§ YOUR OBJECTIVE
All lines of the material must be output verbatim.

§ TASK DATA

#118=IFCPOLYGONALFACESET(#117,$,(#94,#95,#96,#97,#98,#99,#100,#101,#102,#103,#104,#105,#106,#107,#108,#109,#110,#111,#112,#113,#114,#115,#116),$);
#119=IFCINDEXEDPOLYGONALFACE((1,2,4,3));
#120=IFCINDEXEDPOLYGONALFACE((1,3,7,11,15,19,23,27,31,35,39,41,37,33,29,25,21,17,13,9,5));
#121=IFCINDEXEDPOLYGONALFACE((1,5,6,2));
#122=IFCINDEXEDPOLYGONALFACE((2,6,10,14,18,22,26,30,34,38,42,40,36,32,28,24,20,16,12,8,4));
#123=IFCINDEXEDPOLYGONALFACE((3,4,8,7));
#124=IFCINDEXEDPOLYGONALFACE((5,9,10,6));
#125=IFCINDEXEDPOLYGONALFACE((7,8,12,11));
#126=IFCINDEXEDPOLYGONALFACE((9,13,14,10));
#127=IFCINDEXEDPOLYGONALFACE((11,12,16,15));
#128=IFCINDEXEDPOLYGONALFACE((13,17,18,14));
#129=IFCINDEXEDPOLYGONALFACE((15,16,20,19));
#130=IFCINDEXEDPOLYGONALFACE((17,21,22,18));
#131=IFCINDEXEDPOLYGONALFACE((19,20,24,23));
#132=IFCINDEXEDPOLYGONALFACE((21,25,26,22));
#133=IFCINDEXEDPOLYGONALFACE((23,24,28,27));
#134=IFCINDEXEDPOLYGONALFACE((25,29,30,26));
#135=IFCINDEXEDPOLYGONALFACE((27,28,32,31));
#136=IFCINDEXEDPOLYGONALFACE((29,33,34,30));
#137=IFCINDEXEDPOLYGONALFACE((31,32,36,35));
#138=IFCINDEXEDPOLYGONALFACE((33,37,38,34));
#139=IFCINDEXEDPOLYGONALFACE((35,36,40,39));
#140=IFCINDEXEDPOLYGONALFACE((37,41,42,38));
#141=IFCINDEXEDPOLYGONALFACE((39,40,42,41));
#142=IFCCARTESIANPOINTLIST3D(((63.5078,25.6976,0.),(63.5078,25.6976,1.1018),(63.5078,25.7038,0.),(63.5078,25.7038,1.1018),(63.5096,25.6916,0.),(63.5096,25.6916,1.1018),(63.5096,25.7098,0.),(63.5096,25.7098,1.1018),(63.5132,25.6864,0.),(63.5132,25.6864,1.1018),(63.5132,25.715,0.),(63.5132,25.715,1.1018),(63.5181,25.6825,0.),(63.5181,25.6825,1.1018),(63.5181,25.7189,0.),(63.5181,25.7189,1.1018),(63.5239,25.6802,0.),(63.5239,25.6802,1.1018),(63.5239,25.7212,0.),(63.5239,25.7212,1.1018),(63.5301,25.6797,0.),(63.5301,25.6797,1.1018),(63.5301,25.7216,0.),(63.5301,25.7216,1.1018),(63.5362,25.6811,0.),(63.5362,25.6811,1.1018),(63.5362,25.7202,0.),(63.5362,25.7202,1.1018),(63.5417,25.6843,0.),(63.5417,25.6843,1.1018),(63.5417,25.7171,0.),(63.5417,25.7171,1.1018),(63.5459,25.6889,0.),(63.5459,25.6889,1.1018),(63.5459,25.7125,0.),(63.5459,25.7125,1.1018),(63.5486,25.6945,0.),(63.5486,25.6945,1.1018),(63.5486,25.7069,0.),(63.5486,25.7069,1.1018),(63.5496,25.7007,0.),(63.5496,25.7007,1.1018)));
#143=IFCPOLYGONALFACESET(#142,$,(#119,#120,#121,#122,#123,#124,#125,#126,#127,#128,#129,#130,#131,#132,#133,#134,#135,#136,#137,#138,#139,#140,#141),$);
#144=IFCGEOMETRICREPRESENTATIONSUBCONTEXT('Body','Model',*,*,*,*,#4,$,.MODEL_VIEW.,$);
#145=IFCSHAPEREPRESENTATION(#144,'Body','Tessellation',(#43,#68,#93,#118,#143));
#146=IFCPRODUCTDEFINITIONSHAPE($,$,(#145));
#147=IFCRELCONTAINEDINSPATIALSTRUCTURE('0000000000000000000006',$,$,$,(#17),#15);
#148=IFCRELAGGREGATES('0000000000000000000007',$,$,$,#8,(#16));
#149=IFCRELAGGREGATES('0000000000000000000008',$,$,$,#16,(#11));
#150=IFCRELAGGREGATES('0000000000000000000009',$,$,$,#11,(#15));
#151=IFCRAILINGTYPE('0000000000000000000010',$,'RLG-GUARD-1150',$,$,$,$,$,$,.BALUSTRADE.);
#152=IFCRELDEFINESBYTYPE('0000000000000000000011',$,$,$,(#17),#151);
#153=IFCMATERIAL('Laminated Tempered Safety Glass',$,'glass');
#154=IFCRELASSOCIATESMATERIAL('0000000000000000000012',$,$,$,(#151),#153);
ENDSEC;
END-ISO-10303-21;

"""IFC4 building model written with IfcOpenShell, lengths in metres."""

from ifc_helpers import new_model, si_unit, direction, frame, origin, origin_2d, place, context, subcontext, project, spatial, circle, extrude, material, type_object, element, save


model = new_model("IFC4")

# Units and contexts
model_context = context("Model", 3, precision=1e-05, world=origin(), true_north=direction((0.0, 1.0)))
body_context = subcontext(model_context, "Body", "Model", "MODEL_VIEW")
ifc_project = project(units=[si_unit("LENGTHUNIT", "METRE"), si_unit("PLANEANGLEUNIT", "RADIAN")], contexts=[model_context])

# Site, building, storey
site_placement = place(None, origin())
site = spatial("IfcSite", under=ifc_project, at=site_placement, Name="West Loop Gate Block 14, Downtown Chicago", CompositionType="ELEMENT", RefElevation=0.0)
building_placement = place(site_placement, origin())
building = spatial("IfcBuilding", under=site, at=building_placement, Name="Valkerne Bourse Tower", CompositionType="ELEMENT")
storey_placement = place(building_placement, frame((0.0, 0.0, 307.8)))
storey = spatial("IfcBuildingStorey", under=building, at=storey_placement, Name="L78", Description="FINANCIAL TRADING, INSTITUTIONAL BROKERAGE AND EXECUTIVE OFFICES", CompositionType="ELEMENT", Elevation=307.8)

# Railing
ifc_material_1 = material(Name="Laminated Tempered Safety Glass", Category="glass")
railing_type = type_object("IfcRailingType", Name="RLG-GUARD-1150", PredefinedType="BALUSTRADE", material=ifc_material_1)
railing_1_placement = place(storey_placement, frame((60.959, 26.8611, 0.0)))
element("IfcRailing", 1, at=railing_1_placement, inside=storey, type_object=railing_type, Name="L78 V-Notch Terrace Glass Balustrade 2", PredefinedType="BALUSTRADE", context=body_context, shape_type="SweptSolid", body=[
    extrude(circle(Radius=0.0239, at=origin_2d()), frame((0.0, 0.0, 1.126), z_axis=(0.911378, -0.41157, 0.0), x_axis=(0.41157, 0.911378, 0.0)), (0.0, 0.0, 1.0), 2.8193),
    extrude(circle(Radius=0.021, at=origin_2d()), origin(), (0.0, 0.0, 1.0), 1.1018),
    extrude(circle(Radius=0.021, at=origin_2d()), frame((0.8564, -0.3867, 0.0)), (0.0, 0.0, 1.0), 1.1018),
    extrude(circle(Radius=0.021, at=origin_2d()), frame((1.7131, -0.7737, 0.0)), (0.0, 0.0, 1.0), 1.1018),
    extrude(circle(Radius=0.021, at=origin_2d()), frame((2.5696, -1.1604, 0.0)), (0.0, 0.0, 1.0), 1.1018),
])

§ RESPONSE
#118=IFCPOLYGONALFACESET(#117,$,(#94,#95,#96,#97,#98,#99,#100,#101,#102,#103,#104,#105,#106,#107,#108,#109,#110,#111,#112,#113,#114,#115,#116),$);
#119=IFCINDEXEDPOLYGONALFACE((1,2,4,3));
#120=IFCINDEXEDPOLYGONALFACE((1,3,7,11,15,19,23,27,31,35,39,41,37,33,29,25,21,17,13,9,5));
#121=IFCINDEXEDPOLYGONALFACE((1,5,6,2));
#122=IFCINDEXEDPOLYGONALFACE((2,6,10,14,18,22,26,30,34,38,42,40,36,32,28,24,20,16,12,8,4));
#123=IFCINDEXEDPOLYGONALFACE((3,4,8,7));
#124=IFCINDEXEDPOLYGONALFACE((5,9,10,6));
#125=IFCINDEXEDPOLYGONALFACE((7,8,12,11));
#126=IFCINDEXEDPOLYGONALFACE((9,13,14,10));
#127=IFCINDEXEDPOLYGONALFACE((11,12,16,15));
#128=IFCINDEXEDPOLYGONALFACE((13,17,18,14));
#129=IFCINDEXEDPOLYGONALFACE((15,16,20,19));
#130=IFCINDEXEDPOLYGONALFACE((17,21,22,18));
#131=IFCINDEXEDPOLYGONALFACE((19,20,24,23));
#132=IFCINDEXEDPOLYGONALFACE((21,25,26,22));
#133=IFCINDEXEDPOLYGONALFACE((23,24,28,27));
#134=IFCINDEXEDPOLYGONALFACE((25,29,30,26));
#135=IFCINDEXEDPOLYGONALFACE((27,28,32,31));
#136=IFCINDEXEDPOLYGONALFACE((29,33,34,30));
#137=IFCINDEXEDPOLYGONALFACE((31,32,36,35));
#138=IFCINDEXEDPOLYGONALFACE((33,37,38,34));
#139=IFCINDEXEDPOLYGONALFACE((35,36,40,39));
#140=IFCINDEXEDPOLYGONALFACE((37,41,42,38));
#141=IFCINDEXEDPOLYGONALFACE((39,40,42,41));
#142=IFCCARTESIANPOINTLIST3D(((63.5078,25.6976,0.),(63.5078,25.6976,1.1018),(63.5078,25.7038,0.),(63.5078,25.7038,1.1018),(63.5096,25.6916,0.),(63.5096,25.6916,1.1018),(63.5096,25.7098,0.),(63.5096,25.7098,1.1018),(63.5132,25.6864,0.),(63.5132,25.6864,1.1018),(63.5132,25.715,0.),(63.5132,25.715,1.1018),(63.5181,25.6825,0.),(63.5181,25.6825,1.1018),(63.5181,25.7189,0.),(63.5181,25.7189,1.1018),(63.5239,25.6802,0.),(63.5239,25.6802,1.1018),(63.5239,25.7212,0.),(63.5239,25.7212,1.1018),(63.5301,25.6797,0.),(63.5301,25.6797,1.1018),(63.5301,25.7216,0.),(63.5301,25.7216,1.1018),(63.5362,25.6811,0.),(63.5362,25.6811,1.1018),(63.5362,25.7202,0.),(63.5362,25.7202,1.1018),(63.5417,25.6843,0.),(63.5417,25.6843,1.1018),(63.5417,25.7171,0.),(63.5417,25.7171,1.1018),(63.5459,25.6889,0.),(63.5459,25.6889,1.1018),(63.5459,25.7125,0.),(63.5459,25.7125,1.1018),(63.5486,25.6945,0.),(63.5486,25.6945,1.1018),(63.5486,25.7069,0.),(63.5486,25.7069,1.1018),(63.5496,25.7007,0.),(63.5496,25.7007,1.1018)));
#143=IFCPOLYGONALFACESET(#142,$,(#119,#120,#121,#122,#123,#124,#125,#126,#127,#128,#129,#130,#131,#132,#133,#134,#135,#136,#137,#138,#139,#140,#141),$);
#144=IFCGEOMETRICREPRESENTATIONSUBCONTEXT('Body','Model',*,*,*,*,#4,$,.MODEL_VIEW.,$);
#145=IFCSHAPEREPRESENTATION(#144,'Body','Tessellation',(#43,#68,#93,#118,#143));
#146=IFCPRODUCTDEFINITIONSHAPE($,$,(#145));
#147=IFCRELCONTAINEDINSPATIALSTRUCTURE('0000000000000000000006',$,$,$,(#17),#15);
#148=IFCRELAGGREGATES('0000000000000000000007',$,$,$,#8,(#16));
#149=IFCRELAGGREGATES('0000000000000000000008',$,$,$,#16,(#11));
#150=IFCRELAGGREGATES('0000000000000000000009',$,$,$,#11,(#15));
#151=IFCRAILINGTYPE('0000000000000000000010',$,'RLG-GUARD-1150',$,$,$,$,$,$,.BALUSTRADE.);
#152=IFCRELDEFINESBYTYPE('0000000000000000000011',$,$,$,(#17),#151);
#153=IFCMATERIAL('Laminated Tempered Safety Glass',$,'glass');
#154=IFCRELASSOCIATESMATERIAL('0000000000000000000012',$,$,$,(#151),#153);
ENDSEC;
END-ISO-10303-21;

"""IFC4 building model written with IfcOpenShell, lengths in metres."""

from ifc_helpers import new_model, si_unit, direction, frame, origin, origin_2d, place, context, subcontext, project, spatial, circle, extrude, material, type_object, element, save


model = new_model("IFC4")

# Units and contexts
model_context = context("Model", 3, precision=1e-05, world=origin(), true_north=direction((0.0, 1.0)))
body_context = subcontext(model_context, "Body", "Model", "MODEL_VIEW")
ifc_project = project(units=[si_unit("LENGTHUNIT", "METRE"), si_unit("PLANEANGLEUNIT", "RADIAN")], contexts=[model_context])

# Site, building, storey
site_placement = place(None, origin())
site = spatial("IfcSite", under=ifc_project, at=site_placement, Name="West Loop Gate Block 14, Downtown Chicago", CompositionType="ELEMENT", RefElevation=0.0)
building_placement = place(site_placement, origin())
building = spatial("IfcBuilding", under=site, at=building_placement, Name="Valkerne Bourse Tower", CompositionType="ELEMENT")
storey_placement = place(building_placement, frame((0.0, 0.0, 307.8)))
storey = spatial("IfcBuildingStorey", under=building, at=storey_placement, Name="L78", Description="FINANCIAL TRADING, INSTITUTIONAL BROKERAGE AND EXECUTIVE OFFICES", CompositionType="ELEMENT", Elevation=307.8)

# Railing
ifc_material_1 = material(Name="Laminated Tempered Safety Glass", Category="glass")
railing_type = type_object("IfcRailingType", Name="RLG-GUARD-1150", PredefinedType="BALUSTRADE", material=ifc_material_1)
railing_1_placement = place(storey_placement, frame((60.959, 26.8611, 0.0)))
element("IfcRailing", 1, at=railing_1_placement, inside=storey, type_object=railing_type, Name="L78 V-Notch Terrace Glass Balustrade 2", PredefinedType="BALUSTRADE", context=body_context, shape_type="SweptSolid", body=[
    extrude(circle(Radius=0.0239, at=origin_2d()), frame((0.0, 0.0, 1.126), z_axis=(0.911378, -0.41157, 0.0), x_axis=(0.41157, 0.911378, 0.0)), (0.0, 0.0, 1.0), 2.8193),
    extrude(circle(Radius=0.021, at=origin_2d()), origin(), (0.0, 0.0, 1.0), 1.1018),
    extrude(circle(Radius=0.021, at=origin_2d()), frame((0.8564, -0.3867, 0.0)), (0.0, 0.0, 1.0), 1.1018),
    extrude(circle(Radius=0.021, at=origin_2d()), frame((1.7131, -0.7737, 0.0)), (0.0, 0.0, 1.0), 1.1018),
    extrude(circle(Radius=0.021, at=origin_2d()), frame((2.5696, -1.1604, 0.0)), (0.0, 0.0, 1.0), 1.1018),
])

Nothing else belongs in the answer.